What you should do —
Work out how many lines of the records contain "IFCGEOMETRICREPRESENTATIONSUBCONTEXT". Answer with the number and nothing else.

------ Input material

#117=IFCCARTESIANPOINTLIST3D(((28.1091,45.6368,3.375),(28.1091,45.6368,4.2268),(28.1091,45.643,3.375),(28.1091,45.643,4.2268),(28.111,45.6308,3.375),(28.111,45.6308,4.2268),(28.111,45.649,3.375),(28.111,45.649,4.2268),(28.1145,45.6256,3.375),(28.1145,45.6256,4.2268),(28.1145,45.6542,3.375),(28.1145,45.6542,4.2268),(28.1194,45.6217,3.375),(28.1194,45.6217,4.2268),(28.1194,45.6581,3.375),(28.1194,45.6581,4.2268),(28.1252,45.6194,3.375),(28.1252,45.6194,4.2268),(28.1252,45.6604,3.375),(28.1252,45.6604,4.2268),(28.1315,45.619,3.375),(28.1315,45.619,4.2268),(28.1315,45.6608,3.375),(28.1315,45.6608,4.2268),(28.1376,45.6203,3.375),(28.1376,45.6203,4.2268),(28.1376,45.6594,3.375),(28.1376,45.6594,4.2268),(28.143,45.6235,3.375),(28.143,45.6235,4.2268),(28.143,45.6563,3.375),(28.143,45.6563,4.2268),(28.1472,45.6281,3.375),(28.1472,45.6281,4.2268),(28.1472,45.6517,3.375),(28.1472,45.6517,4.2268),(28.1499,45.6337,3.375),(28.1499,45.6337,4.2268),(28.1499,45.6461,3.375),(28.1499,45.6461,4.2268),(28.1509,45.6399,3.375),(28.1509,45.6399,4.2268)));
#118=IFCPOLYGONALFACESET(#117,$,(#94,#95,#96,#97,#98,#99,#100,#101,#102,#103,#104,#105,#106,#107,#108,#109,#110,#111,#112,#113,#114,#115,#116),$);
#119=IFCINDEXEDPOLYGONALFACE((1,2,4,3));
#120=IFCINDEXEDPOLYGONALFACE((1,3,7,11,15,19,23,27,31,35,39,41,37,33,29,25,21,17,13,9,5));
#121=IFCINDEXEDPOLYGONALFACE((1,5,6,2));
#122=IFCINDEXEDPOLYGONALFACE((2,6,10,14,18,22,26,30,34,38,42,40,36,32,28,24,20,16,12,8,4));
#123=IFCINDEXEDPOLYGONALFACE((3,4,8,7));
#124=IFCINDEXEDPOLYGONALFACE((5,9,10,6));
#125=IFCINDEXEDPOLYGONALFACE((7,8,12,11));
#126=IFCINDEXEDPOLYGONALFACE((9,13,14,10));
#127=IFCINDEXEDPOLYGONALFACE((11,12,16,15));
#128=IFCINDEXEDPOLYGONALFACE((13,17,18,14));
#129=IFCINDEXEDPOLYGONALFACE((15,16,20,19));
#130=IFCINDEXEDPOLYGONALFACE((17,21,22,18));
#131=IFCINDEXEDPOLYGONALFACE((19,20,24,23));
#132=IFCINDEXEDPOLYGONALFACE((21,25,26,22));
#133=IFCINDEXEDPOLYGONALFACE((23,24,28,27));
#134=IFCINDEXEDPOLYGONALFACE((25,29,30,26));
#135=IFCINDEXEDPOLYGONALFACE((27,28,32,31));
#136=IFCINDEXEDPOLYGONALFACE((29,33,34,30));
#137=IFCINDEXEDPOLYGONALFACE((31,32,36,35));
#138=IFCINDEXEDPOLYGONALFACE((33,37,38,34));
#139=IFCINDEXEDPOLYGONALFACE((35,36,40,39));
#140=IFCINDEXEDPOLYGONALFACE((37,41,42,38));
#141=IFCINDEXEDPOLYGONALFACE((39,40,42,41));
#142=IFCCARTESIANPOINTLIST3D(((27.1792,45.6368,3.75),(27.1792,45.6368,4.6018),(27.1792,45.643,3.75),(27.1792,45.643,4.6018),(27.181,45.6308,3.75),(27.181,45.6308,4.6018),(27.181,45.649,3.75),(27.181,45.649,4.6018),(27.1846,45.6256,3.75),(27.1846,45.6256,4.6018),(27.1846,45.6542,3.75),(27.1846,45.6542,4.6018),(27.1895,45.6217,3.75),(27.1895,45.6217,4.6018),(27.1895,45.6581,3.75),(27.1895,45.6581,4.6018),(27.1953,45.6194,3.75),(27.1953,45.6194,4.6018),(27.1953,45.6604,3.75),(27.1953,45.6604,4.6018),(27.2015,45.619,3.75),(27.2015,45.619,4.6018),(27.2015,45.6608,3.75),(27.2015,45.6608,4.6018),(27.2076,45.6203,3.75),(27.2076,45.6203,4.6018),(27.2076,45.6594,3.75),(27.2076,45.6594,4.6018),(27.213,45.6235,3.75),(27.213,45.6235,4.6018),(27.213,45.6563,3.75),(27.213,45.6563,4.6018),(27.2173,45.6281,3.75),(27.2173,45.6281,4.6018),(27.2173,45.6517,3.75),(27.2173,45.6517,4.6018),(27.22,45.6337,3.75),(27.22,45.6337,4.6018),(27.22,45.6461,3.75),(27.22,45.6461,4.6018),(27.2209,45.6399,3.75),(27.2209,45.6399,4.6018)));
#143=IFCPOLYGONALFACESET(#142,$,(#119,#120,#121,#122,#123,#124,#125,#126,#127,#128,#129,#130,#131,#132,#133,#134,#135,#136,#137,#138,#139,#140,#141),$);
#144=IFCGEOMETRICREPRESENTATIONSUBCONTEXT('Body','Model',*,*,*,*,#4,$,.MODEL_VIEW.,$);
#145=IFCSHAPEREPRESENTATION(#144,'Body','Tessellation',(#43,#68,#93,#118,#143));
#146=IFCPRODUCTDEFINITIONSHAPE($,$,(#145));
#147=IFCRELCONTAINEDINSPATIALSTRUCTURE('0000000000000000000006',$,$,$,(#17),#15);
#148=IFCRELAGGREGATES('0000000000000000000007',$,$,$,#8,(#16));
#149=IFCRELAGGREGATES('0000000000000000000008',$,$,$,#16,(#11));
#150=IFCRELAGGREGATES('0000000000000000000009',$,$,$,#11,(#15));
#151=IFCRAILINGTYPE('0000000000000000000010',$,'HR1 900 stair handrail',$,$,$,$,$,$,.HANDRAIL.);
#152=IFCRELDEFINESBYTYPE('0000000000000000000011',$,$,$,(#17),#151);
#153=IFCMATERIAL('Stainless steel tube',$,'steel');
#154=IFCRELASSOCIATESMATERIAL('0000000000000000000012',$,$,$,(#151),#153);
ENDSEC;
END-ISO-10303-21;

------------
------ Input material

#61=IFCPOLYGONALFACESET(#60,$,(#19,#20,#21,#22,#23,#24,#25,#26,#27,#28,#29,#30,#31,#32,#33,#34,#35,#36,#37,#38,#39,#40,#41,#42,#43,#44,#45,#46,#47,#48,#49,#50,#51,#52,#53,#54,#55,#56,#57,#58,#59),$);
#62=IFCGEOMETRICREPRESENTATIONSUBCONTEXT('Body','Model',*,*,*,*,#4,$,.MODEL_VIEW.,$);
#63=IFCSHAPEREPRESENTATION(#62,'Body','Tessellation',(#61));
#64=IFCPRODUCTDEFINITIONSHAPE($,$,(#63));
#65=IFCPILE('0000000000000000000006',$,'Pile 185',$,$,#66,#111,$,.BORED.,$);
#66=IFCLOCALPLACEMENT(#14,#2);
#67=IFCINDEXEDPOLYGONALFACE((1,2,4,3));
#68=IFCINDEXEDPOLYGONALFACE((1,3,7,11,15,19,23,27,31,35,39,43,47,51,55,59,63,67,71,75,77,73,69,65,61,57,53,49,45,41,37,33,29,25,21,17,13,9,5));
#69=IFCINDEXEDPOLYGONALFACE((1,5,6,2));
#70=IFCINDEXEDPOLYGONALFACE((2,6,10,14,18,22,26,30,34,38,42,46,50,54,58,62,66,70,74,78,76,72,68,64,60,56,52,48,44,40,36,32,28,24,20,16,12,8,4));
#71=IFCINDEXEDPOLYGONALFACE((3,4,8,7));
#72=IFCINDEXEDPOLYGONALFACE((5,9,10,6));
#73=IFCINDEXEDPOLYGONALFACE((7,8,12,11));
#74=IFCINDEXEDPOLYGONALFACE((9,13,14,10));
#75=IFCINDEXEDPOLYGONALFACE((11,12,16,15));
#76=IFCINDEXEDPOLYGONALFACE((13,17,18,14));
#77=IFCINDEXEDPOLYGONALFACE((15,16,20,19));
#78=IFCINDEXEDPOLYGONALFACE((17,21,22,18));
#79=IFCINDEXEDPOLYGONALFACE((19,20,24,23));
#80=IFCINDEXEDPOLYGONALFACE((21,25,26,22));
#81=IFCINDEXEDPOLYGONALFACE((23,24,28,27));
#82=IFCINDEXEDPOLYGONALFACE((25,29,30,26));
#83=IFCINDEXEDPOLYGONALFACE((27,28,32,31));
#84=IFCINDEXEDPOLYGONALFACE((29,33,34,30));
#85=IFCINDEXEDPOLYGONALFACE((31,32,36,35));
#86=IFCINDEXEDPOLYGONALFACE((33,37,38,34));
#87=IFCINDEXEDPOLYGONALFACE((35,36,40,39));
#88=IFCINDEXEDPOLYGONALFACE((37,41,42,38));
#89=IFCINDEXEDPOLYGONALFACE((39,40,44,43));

------------
------ Input material

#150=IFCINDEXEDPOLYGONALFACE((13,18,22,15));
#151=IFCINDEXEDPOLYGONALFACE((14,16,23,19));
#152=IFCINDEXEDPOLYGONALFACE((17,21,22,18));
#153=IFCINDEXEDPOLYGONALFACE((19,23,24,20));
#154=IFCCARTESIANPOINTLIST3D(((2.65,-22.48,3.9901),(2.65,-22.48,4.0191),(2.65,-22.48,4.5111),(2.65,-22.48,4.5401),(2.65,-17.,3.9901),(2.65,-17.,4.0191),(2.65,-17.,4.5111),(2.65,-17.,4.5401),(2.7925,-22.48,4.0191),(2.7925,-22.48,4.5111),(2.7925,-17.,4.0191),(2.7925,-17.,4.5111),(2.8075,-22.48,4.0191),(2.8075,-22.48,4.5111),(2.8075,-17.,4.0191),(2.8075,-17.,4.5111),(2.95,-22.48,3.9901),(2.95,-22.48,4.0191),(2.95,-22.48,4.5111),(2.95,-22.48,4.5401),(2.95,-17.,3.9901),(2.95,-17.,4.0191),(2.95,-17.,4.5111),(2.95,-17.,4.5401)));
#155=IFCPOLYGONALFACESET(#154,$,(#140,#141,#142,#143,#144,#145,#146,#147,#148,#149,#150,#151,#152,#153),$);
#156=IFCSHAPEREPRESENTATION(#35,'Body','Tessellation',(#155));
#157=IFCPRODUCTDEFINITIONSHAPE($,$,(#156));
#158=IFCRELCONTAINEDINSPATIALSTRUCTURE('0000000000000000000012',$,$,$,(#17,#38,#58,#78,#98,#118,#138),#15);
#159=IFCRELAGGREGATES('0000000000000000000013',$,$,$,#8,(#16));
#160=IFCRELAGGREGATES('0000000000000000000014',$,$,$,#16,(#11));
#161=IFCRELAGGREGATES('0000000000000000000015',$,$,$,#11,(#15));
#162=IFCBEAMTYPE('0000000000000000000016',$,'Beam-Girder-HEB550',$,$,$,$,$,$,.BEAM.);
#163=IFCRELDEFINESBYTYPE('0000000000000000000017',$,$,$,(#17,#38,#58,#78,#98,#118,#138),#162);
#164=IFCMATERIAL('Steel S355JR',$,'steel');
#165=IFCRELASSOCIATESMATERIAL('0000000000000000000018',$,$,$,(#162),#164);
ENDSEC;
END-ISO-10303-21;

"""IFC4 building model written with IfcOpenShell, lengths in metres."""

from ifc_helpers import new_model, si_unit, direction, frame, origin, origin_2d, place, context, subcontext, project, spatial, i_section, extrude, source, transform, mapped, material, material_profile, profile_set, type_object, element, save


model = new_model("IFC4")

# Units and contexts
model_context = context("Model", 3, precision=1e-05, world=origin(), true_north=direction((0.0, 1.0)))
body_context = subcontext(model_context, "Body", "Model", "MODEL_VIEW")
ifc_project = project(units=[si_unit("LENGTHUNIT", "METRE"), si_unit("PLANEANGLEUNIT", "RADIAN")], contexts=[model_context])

------------

Result —
2